## HOW TO COMPLETE THIS TASK
Every entry must come back exactly as it was given.

************

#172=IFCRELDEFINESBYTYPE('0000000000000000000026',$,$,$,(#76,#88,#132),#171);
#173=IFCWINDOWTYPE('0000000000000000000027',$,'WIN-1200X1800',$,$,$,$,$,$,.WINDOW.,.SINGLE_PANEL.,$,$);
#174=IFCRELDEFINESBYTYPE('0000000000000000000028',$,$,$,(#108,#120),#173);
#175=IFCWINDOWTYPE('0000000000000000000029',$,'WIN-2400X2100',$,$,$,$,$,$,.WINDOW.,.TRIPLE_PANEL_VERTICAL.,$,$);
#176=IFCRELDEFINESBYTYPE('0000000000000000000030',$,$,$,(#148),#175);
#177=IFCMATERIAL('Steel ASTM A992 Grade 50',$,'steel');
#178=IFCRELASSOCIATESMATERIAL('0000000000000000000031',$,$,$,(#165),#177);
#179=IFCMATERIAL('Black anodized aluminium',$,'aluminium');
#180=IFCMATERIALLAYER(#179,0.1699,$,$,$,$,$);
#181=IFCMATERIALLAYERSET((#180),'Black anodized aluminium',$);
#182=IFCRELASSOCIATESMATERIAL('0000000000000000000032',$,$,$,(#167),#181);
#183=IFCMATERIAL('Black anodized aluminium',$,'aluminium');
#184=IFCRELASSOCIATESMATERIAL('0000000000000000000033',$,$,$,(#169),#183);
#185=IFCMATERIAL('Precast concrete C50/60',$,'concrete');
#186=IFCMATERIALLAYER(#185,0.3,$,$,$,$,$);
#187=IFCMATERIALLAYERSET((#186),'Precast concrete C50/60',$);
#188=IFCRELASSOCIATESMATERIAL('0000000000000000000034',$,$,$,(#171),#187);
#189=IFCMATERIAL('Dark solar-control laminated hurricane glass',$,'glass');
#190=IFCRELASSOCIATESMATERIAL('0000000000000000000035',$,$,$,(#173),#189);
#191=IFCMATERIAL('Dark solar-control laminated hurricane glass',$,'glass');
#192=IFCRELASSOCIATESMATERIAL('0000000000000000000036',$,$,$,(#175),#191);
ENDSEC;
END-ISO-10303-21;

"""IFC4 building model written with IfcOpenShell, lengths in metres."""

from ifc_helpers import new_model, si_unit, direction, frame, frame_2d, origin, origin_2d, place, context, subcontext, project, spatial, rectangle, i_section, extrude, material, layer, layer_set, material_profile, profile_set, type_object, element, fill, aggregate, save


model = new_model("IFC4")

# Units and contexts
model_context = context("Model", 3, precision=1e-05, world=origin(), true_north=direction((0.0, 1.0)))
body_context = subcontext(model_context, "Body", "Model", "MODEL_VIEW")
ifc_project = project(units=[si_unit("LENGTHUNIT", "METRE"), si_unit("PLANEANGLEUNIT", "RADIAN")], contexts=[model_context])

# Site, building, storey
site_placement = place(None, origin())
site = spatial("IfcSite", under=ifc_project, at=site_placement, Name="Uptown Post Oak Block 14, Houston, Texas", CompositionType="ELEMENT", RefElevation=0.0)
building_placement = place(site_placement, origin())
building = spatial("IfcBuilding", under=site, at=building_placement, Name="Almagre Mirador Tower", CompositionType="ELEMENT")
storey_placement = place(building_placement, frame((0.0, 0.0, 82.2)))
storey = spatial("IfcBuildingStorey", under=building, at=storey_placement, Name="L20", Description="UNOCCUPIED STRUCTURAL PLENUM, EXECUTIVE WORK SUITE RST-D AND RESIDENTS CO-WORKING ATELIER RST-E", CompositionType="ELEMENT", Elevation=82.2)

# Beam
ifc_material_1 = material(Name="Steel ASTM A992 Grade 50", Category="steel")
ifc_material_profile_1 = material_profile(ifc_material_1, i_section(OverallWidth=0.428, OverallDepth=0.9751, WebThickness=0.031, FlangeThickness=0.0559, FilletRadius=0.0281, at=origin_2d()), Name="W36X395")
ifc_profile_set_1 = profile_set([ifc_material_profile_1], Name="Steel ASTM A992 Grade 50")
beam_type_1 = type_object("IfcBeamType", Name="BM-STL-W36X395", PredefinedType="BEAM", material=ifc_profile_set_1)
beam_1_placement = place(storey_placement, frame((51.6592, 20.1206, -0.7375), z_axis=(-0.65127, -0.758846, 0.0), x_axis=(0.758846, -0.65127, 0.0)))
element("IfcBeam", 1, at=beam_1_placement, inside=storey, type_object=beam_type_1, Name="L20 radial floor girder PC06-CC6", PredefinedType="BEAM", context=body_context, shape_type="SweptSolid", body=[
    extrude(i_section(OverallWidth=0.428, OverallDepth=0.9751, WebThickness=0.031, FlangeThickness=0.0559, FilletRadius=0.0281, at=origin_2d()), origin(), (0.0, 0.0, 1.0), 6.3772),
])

************

## WRITTEN RESPONSE
#172=IFCRELDEFINESBYTYPE('0000000000000000000026',$,$,$,(#76,#88,#132),#171);
#173=IFCWINDOWTYPE('0000000000000000000027',$,'WIN-1200X1800',$,$,$,$,$,$,.WINDOW.,.SINGLE_PANEL.,$,$);
#174=IFCRELDEFINESBYTYPE('0000000000000000000028',$,$,$,(#108,#120),#173);
#175=IFCWINDOWTYPE('0000000000000000000029',$,'WIN-2400X2100',$,$,$,$,$,$,.WINDOW.,.TRIPLE_PANEL_VERTICAL.,$,$);
#176=IFCRELDEFINESBYTYPE('0000000000000000000030',$,$,$,(#148),#175);
#177=IFCMATERIAL('Steel ASTM A992 Grade 50',$,'steel');
#178=IFCRELASSOCIATESMATERIAL('0000000000000000000031',$,$,$,(#165),#177);
#179=IFCMATERIAL('Black anodized aluminium',$,'aluminium');
#180=IFCMATERIALLAYER(#179,0.1699,$,$,$,$,$);
#181=IFCMATERIALLAYERSET((#180),'Black anodized aluminium',$);
#182=IFCRELASSOCIATESMATERIAL('0000000000000000000032',$,$,$,(#167),#181);
#183=IFCMATERIAL('Black anodized aluminium',$,'aluminium');
#184=IFCRELASSOCIATESMATERIAL('0000000000000000000033',$,$,$,(#169),#183);
#185=IFCMATERIAL('Precast concrete C50/60',$,'concrete');
#186=IFCMATERIALLAYER(#185,0.3,$,$,$,$,$);
#187=IFCMATERIALLAYERSET((#186),'Precast concrete C50/60',$);
#188=IFCRELASSOCIATESMATERIAL('0000000000000000000034',$,$,$,(#171),#187);
#189=IFCMATERIAL('Dark solar-control laminated hurricane glass',$,'glass');
#190=IFCRELASSOCIATESMATERIAL('0000000000000000000035',$,$,$,(#173),#189);
#191=IFCMATERIAL('Dark solar-control laminated hurricane glass',$,'glass');
#192=IFCRELASSOCIATESMATERIAL('0000000000000000000036',$,$,$,(#175),#191);
ENDSEC;
END-ISO-10303-21;

"""IFC4 building model written with IfcOpenShell, lengths in metres."""

from ifc_helpers import new_model, si_unit, direction, frame, frame_2d, origin, origin_2d, place, context, subcontext, project, spatial, rectangle, i_section, extrude, material, layer, layer_set, material_profile, profile_set, type_object, element, fill, aggregate, save


model = new_model("IFC4")

# Units and contexts
model_context = context("Model", 3, precision=1e-05, world=origin(), true_north=direction((0.0, 1.0)))
body_context = subcontext(model_context, "Body", "Model", "MODEL_VIEW")
ifc_project = project(units=[si_unit("LENGTHUNIT", "METRE"), si_unit("PLANEANGLEUNIT", "RADIAN")], contexts=[model_context])

# Site, building, storey
site_placement = place(None, origin())
site = spatial("IfcSite", under=ifc_project, at=site_placement, Name="Uptown Post Oak Block 14, Houston, Texas", CompositionType="ELEMENT", RefElevation=0.0)
building_placement = place(site_placement, origin())
building = spatial("IfcBuilding", under=site, at=building_placement, Name="Almagre Mirador Tower", CompositionType="ELEMENT")
storey_placement = place(building_placement, frame((0.0, 0.0, 82.2)))
storey = spatial("IfcBuildingStorey", under=building, at=storey_placement, Name="L20", Description="UNOCCUPIED STRUCTURAL PLENUM, EXECUTIVE WORK SUITE RST-D AND RESIDENTS CO-WORKING ATELIER RST-E", CompositionType="ELEMENT", Elevation=82.2)

# Beam
ifc_material_1 = material(Name="Steel ASTM A992 Grade 50", Category="steel")
ifc_material_profile_1 = material_profile(ifc_material_1, i_section(OverallWidth=0.428, OverallDepth=0.9751, WebThickness=0.031, FlangeThickness=0.0559, FilletRadius=0.0281, at=origin_2d()), Name="W36X395")
ifc_profile_set_1 = profile_set([ifc_material_profile_1], Name="Steel ASTM A992 Grade 50")
beam_type_1 = type_object("IfcBeamType", Name="BM-STL-W36X395", PredefinedType="BEAM", material=ifc_profile_set_1)
beam_1_placement = place(storey_placement, frame((51.6592, 20.1206, -0.7375), z_axis=(-0.65127, -0.758846, 0.0), x_axis=(0.758846, -0.65127, 0.0)))
element("IfcBeam", 1, at=beam_1_placement, inside=storey, type_object=beam_type_1, Name="L20 radial floor girder PC06-CC6", PredefinedType="BEAM", context=body_context, shape_type="SweptSolid", body=[
    extrude(i_section(OverallWidth=0.428, OverallDepth=0.9751, WebThickness=0.031, FlangeThickness=0.0559, FilletRadius=0.0281, at=origin_2d()), origin(), (0.0, 0.0, 1.0), 6.3772),
])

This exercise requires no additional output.